[TASK STATEMENT] Within the listing below, please show every line carrying the string "IFCPOLYGONALFACESET".

[MATERIAL PROVIDED]
*** Begin section ***
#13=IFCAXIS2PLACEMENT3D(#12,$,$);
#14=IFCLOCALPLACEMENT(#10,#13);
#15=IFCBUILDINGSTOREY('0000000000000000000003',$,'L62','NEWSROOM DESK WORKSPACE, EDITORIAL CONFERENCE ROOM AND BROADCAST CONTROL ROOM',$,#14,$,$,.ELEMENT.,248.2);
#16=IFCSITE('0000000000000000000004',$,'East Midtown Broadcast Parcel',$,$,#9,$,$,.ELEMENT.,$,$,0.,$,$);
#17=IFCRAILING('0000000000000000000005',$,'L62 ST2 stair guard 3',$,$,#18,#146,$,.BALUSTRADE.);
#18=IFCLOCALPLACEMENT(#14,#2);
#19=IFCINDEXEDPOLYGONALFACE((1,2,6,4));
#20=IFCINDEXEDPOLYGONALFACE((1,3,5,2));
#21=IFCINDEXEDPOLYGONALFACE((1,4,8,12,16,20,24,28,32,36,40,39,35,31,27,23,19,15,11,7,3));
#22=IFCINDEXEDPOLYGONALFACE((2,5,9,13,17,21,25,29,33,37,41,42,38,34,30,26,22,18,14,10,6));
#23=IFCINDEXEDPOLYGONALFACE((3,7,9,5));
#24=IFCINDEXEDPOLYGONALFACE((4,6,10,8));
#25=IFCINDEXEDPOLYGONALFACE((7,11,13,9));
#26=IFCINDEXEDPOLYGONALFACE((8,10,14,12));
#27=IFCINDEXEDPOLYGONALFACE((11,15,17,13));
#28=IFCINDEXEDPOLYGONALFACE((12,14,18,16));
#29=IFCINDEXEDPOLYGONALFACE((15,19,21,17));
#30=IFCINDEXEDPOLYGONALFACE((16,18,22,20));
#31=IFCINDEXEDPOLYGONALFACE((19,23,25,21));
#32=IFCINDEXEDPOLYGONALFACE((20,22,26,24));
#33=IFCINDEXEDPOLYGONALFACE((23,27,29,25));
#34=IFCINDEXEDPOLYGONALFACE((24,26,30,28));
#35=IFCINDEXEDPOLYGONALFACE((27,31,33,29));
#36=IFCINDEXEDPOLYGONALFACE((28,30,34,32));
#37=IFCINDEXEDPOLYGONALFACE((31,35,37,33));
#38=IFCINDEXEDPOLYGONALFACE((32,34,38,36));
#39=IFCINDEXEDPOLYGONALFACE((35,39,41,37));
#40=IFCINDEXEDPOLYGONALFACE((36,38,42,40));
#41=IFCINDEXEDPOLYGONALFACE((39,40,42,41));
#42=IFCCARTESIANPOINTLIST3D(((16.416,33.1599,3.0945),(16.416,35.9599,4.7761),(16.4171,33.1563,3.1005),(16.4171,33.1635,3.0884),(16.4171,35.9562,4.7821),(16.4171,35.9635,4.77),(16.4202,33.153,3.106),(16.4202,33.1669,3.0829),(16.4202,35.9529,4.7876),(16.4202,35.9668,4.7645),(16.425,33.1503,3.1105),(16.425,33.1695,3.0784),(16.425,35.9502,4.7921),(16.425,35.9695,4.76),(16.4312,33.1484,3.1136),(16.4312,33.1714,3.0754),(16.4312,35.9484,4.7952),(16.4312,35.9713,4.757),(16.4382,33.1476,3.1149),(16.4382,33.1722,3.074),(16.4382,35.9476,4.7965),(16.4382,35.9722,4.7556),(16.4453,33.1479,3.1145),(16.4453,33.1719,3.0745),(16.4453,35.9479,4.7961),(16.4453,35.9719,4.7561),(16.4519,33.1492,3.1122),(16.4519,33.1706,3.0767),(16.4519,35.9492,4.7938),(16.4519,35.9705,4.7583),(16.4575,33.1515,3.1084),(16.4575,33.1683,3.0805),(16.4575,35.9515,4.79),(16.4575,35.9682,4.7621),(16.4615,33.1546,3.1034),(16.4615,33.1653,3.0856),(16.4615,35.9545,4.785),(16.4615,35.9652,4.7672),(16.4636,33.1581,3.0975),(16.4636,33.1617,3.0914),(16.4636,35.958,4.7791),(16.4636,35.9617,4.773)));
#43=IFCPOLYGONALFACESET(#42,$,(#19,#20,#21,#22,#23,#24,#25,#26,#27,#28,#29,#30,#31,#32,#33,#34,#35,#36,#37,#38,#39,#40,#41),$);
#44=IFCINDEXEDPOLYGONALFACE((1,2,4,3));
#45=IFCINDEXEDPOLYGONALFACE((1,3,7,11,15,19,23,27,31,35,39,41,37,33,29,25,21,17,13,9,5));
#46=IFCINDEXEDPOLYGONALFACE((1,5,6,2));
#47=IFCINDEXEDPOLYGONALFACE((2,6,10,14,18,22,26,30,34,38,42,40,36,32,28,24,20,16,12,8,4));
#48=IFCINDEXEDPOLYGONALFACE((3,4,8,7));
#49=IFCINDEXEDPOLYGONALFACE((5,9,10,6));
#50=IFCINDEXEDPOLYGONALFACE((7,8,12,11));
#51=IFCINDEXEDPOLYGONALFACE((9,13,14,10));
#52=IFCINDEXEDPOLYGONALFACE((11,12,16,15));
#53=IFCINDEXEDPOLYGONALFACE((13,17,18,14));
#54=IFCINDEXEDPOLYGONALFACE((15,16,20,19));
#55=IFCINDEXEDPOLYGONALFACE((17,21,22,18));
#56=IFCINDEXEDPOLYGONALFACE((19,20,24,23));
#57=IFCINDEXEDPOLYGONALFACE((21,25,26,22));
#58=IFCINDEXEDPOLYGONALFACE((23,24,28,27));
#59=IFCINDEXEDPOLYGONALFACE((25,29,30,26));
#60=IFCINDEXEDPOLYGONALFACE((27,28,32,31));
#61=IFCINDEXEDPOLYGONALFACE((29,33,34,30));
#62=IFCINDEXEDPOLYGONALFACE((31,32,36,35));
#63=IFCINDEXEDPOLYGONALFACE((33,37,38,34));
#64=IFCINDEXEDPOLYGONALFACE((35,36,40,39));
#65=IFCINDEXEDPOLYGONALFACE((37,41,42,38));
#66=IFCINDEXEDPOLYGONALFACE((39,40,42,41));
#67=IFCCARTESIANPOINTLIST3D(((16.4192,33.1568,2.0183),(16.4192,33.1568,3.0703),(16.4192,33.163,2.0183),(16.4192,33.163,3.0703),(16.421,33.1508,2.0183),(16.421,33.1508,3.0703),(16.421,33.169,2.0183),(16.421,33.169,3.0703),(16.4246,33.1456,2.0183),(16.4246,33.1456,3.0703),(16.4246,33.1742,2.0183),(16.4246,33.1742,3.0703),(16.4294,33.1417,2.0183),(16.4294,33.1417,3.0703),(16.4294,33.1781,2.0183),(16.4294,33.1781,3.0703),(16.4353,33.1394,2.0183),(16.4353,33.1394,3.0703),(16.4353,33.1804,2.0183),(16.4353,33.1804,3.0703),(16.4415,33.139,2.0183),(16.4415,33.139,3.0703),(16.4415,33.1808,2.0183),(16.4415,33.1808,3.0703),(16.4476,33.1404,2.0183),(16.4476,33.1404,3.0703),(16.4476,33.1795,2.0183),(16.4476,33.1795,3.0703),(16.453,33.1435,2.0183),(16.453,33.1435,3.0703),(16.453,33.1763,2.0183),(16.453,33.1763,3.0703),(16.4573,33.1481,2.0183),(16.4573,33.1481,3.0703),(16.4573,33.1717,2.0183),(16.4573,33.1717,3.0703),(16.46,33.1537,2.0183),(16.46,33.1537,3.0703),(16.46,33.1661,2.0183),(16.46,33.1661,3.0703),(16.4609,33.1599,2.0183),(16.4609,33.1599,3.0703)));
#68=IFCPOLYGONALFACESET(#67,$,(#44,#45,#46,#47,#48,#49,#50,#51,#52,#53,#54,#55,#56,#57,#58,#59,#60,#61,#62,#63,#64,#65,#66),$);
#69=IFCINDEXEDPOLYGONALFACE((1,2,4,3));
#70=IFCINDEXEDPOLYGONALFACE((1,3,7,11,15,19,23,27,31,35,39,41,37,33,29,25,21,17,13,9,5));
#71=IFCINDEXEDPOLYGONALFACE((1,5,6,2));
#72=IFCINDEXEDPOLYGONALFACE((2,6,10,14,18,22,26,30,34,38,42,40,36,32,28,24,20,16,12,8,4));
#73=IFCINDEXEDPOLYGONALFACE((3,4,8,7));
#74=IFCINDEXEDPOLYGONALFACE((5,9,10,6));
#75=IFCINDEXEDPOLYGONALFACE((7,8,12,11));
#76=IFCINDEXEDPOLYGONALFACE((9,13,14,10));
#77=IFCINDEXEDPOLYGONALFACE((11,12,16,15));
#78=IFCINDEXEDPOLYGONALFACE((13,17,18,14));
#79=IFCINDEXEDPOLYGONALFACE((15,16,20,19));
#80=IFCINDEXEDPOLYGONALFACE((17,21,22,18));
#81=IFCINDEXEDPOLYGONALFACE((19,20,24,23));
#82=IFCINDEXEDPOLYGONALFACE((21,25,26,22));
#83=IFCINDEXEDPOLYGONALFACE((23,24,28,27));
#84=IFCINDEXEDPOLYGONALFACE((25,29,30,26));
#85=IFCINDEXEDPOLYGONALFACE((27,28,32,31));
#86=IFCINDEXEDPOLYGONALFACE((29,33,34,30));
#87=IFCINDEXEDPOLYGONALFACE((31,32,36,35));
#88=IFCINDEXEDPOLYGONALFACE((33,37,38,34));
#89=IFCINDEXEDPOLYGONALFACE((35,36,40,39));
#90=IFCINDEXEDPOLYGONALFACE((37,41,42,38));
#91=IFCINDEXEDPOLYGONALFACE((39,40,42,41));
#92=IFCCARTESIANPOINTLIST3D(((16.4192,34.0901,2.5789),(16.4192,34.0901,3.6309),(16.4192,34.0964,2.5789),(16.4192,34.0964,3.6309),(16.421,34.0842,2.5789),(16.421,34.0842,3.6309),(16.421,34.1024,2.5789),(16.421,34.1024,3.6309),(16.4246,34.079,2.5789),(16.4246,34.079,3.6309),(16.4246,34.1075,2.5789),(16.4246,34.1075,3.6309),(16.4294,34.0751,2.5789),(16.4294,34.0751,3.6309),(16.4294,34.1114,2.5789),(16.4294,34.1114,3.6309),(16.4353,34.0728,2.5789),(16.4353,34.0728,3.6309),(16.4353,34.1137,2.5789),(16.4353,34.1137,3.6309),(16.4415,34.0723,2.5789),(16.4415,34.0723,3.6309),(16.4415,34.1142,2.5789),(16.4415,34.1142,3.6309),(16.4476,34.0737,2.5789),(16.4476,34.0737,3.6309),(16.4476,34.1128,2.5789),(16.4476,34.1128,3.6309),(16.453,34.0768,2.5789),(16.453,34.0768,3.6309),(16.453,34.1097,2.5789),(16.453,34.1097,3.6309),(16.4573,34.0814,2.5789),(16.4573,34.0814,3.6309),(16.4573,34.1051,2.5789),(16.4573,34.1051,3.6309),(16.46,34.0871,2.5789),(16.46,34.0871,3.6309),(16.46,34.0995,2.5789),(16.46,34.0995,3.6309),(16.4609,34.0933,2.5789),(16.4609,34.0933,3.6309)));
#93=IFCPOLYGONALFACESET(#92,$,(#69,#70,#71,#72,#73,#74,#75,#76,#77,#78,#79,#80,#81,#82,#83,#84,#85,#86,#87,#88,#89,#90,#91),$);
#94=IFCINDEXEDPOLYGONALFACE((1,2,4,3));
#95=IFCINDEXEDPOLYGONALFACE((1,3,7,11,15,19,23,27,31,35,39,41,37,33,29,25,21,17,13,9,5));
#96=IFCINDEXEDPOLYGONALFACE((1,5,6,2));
*** End section ***
[TASK ANSWER]
#43=IFCPOLYGONALFACESET(#42,$,(#19,#20,#21,#22,#23,#24,#25,#26,#27,#28,#29,#30,#31,#32,#33,#34,#35,#36,#37,#38,#39,#40,#41),$);
#68=IFCPOLYGONALFACESET(#67,$,(#44,#45,#46,#47,#48,#49,#50,#51,#52,#53,#54,#55,#56,#57,#58,#59,#60,#61,#62,#63,#64,#65,#66),$);
#93=IFCPOLYGONALFACESET(#92,$,(#69,#70,#71,#72,#73,#74,#75,#76,#77,#78,#79,#80,#81,#82,#83,#84,#85,#86,#87,#88,#89,#90,#91),$);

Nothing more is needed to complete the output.